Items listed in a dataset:
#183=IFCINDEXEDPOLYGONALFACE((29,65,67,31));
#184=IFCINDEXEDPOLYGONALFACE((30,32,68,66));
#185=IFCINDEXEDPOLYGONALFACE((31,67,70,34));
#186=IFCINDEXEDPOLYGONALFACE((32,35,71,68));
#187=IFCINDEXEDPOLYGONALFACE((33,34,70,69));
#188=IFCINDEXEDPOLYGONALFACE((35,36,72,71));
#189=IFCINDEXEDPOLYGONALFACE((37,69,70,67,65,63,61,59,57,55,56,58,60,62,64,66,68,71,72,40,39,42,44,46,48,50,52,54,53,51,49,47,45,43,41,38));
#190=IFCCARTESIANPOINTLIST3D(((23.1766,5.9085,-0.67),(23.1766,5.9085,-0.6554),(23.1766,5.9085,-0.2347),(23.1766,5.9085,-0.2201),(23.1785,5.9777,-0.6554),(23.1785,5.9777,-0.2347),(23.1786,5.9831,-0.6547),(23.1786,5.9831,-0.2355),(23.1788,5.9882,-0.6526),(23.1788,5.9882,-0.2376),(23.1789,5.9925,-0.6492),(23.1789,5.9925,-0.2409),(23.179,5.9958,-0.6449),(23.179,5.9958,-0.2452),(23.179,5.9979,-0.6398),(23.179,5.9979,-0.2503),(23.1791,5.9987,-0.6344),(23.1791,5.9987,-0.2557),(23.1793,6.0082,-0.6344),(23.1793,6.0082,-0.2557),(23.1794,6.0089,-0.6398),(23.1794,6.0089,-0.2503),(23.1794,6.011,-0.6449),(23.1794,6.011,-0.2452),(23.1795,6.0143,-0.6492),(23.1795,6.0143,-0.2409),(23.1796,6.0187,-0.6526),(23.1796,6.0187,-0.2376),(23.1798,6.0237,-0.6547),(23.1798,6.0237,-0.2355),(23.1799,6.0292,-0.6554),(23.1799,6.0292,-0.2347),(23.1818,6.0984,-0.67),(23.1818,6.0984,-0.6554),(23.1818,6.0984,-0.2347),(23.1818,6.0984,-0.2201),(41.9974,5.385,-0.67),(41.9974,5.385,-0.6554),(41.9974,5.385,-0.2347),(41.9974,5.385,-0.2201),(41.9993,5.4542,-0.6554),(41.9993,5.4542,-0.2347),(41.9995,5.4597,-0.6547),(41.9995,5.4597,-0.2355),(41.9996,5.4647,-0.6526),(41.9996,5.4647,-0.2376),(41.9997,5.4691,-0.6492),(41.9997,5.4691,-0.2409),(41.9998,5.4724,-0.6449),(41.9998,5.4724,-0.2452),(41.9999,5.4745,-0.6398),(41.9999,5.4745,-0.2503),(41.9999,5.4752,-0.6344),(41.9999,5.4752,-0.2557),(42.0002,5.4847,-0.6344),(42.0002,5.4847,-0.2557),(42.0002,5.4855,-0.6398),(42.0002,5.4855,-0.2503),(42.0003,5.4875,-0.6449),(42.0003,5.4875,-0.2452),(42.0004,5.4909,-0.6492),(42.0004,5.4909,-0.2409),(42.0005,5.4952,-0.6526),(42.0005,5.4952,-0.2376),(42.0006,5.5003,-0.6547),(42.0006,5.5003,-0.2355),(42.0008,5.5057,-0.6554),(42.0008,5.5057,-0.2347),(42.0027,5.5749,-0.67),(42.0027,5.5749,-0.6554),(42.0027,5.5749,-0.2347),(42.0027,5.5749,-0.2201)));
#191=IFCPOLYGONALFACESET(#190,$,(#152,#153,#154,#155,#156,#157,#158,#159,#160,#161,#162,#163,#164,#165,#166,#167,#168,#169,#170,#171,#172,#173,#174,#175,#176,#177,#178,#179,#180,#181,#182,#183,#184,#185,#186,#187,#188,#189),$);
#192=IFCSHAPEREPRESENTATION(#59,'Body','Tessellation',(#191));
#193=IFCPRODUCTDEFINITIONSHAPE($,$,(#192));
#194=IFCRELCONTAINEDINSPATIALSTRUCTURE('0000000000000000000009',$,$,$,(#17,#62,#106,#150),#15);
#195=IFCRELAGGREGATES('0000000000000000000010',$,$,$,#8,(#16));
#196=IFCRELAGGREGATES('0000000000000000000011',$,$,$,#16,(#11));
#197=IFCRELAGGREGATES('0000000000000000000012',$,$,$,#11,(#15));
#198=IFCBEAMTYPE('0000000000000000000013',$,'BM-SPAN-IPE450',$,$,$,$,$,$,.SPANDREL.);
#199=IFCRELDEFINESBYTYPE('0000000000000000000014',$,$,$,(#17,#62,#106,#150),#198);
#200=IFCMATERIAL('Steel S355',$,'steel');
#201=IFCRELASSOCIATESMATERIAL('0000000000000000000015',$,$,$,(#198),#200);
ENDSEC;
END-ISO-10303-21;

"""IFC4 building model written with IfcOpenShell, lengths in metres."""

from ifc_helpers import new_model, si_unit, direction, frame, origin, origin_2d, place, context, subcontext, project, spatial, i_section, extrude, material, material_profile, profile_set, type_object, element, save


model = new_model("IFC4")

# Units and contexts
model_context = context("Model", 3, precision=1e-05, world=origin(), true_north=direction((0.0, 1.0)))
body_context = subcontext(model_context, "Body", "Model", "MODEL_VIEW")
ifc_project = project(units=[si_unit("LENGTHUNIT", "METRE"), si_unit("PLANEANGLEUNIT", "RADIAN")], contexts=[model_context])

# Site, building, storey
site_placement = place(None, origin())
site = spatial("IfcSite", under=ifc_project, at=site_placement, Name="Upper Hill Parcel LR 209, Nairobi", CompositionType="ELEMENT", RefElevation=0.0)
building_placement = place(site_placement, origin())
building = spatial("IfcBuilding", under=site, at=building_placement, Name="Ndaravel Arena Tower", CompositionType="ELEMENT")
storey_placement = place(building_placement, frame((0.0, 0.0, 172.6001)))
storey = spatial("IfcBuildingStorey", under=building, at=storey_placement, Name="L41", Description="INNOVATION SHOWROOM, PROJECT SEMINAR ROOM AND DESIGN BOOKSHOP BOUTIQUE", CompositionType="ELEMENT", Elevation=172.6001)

> _YOUR TASK_
Each line containing the word "under" needs to be copied from the data above.

> _SOLUTION TO THIS EXERCISE_
site = spatial("IfcSite", under=ifc_project, at=site_placement, Name="Upper Hill Parcel LR 209, Nairobi", CompositionType="ELEMENT", RefElevation=0.0)
building = spatial("IfcBuilding", under=site, at=building_placement, Name="Ndaravel Arena Tower", CompositionType="ELEMENT")
storey = spatial("IfcBuildingStorey", under=building, at=storey_placement, Name="L41", Description="INNOVATION SHOWROOM, PROJECT SEMINAR ROOM AND DESIGN BOOKSHOP BOUTIQUE", CompositionType="ELEMENT", Elevation=172.6001)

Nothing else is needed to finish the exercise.